*** Entries supplied Section Begins ***

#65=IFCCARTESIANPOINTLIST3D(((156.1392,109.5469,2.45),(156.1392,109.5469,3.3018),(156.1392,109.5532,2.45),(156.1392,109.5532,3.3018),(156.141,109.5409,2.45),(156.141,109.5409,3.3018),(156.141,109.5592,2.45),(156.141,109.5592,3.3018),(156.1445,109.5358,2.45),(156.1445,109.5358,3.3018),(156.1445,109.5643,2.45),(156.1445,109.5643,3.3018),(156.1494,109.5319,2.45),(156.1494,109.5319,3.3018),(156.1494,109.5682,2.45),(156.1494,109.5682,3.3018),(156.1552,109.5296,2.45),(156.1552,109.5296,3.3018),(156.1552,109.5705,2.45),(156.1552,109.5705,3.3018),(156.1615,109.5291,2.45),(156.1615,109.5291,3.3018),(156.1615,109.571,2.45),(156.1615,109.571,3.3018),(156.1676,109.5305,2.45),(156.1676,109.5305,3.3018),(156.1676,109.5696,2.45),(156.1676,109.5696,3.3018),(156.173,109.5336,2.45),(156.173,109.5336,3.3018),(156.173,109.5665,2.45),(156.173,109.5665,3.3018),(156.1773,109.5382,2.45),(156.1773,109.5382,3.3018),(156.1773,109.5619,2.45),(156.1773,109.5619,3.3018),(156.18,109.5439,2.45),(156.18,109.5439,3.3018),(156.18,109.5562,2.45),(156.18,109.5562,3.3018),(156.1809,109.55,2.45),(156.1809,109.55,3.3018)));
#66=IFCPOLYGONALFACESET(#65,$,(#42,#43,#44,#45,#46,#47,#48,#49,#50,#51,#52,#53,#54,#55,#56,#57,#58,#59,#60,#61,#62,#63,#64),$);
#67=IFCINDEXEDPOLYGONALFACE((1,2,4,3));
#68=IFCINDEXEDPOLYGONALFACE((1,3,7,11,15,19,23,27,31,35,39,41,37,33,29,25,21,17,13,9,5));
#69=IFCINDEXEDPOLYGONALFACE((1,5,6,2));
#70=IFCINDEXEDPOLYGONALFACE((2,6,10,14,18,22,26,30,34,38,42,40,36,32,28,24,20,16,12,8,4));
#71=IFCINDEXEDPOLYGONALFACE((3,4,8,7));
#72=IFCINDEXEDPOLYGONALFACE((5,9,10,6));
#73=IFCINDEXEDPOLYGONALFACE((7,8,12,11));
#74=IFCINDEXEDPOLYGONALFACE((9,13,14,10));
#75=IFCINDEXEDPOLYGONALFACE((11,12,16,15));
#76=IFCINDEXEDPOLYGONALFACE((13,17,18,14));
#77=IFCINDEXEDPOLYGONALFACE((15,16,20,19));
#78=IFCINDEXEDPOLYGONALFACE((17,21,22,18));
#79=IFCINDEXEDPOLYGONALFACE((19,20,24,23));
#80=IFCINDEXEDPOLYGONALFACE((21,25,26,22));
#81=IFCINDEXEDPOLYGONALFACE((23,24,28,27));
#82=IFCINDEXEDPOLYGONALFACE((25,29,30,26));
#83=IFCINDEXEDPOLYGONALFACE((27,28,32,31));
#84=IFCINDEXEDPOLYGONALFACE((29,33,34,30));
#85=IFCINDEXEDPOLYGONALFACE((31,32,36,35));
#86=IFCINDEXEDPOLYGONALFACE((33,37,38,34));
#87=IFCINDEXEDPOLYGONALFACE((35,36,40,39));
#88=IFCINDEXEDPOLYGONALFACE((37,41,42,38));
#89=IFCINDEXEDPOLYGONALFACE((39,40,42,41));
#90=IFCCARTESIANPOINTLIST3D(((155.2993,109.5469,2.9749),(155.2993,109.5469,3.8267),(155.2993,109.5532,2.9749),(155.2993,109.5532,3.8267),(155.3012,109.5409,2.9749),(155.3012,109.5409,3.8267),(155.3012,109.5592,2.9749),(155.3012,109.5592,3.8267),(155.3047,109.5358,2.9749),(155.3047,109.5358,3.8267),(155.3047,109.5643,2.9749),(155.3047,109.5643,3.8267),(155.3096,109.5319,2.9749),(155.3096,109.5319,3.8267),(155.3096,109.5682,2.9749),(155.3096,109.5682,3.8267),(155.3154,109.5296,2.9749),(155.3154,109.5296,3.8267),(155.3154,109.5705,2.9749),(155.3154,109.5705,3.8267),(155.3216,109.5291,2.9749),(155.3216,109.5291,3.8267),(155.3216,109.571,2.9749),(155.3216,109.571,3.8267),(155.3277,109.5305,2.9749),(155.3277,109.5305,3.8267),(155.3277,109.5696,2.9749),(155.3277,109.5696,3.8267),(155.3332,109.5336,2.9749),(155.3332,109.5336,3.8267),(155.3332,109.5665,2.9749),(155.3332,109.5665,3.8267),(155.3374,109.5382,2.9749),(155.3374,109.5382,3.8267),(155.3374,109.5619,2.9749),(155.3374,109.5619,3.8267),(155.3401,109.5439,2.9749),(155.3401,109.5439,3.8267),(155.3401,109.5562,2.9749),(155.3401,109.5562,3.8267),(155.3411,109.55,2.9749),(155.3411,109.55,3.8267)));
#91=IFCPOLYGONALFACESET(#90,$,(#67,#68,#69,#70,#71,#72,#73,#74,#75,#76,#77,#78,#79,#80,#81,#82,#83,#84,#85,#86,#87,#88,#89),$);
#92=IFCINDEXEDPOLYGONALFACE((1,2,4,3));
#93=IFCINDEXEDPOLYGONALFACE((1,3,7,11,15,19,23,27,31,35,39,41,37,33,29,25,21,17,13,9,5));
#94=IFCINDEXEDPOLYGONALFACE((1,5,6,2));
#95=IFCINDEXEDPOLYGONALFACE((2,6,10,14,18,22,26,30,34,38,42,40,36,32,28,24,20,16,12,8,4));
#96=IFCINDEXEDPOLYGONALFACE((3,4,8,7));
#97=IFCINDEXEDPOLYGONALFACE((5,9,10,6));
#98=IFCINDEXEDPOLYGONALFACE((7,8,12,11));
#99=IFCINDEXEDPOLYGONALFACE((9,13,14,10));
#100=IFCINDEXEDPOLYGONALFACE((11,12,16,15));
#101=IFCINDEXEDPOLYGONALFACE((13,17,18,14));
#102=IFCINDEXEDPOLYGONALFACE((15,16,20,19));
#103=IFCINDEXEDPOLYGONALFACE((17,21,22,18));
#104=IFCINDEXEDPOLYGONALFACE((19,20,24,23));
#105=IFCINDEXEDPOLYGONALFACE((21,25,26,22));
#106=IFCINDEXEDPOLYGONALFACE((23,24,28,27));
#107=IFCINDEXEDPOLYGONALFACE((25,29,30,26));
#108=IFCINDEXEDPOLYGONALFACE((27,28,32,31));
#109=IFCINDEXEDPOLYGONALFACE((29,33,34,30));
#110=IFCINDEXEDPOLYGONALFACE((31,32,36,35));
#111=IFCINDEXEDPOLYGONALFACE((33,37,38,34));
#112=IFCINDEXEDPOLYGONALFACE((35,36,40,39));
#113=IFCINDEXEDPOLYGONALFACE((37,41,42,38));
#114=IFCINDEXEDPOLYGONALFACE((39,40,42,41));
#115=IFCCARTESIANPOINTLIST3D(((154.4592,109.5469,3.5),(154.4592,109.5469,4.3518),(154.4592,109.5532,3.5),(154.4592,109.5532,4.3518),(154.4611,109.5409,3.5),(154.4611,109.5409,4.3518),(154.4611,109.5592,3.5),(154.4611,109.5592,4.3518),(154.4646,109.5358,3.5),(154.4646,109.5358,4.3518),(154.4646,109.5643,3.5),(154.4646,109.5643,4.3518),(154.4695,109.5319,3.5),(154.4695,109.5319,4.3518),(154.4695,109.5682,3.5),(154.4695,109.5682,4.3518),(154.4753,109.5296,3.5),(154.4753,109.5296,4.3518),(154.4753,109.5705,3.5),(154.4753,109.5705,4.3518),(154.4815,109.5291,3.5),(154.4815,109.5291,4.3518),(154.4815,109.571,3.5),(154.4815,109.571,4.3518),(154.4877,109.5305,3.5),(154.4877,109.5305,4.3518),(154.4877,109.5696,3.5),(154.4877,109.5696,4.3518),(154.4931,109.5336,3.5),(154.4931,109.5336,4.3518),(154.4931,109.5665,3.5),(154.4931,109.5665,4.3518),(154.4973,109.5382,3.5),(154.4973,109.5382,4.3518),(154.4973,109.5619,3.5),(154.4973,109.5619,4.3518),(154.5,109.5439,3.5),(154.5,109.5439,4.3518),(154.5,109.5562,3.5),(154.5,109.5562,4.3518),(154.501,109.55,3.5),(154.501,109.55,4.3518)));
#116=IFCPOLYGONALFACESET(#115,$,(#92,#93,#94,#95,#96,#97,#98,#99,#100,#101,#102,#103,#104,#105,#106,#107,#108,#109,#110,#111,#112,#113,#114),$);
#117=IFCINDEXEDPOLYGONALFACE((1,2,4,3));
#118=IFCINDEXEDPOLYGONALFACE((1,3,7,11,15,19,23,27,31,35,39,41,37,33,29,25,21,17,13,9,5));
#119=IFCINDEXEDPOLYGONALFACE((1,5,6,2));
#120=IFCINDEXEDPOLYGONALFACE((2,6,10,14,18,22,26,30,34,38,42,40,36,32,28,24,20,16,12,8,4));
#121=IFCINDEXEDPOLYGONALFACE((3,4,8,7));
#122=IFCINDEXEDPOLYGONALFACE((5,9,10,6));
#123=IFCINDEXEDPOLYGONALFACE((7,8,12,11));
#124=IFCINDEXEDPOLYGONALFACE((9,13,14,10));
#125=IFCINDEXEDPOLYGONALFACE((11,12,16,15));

*** Entries supplied Section Ends ***

How to complete this task » In the entries above, find the line holding "#97=IFCINDEXEDPOLYGONALFACE((5,9,10,6));" and the line holding "#105=IFCINDEXEDPOLYGONALFACE((21,25,26,22));", then retype exactly those two lines and every line between them, and nothing else.

Result of this task »
#97=IFCINDEXEDPOLYGONALFACE((5,9,10,6));
#98=IFCINDEXEDPOLYGONALFACE((7,8,12,11));
#99=IFCINDEXEDPOLYGONALFACE((9,13,14,10));
#100=IFCINDEXEDPOLYGONALFACE((11,12,16,15));
#101=IFCINDEXEDPOLYGONALFACE((13,17,18,14));
#102=IFCINDEXEDPOLYGONALFACE((15,16,20,19));
#103=IFCINDEXEDPOLYGONALFACE((17,21,22,18));
#104=IFCINDEXEDPOLYGONALFACE((19,20,24,23));
#105=IFCINDEXEDPOLYGONALFACE((21,25,26,22));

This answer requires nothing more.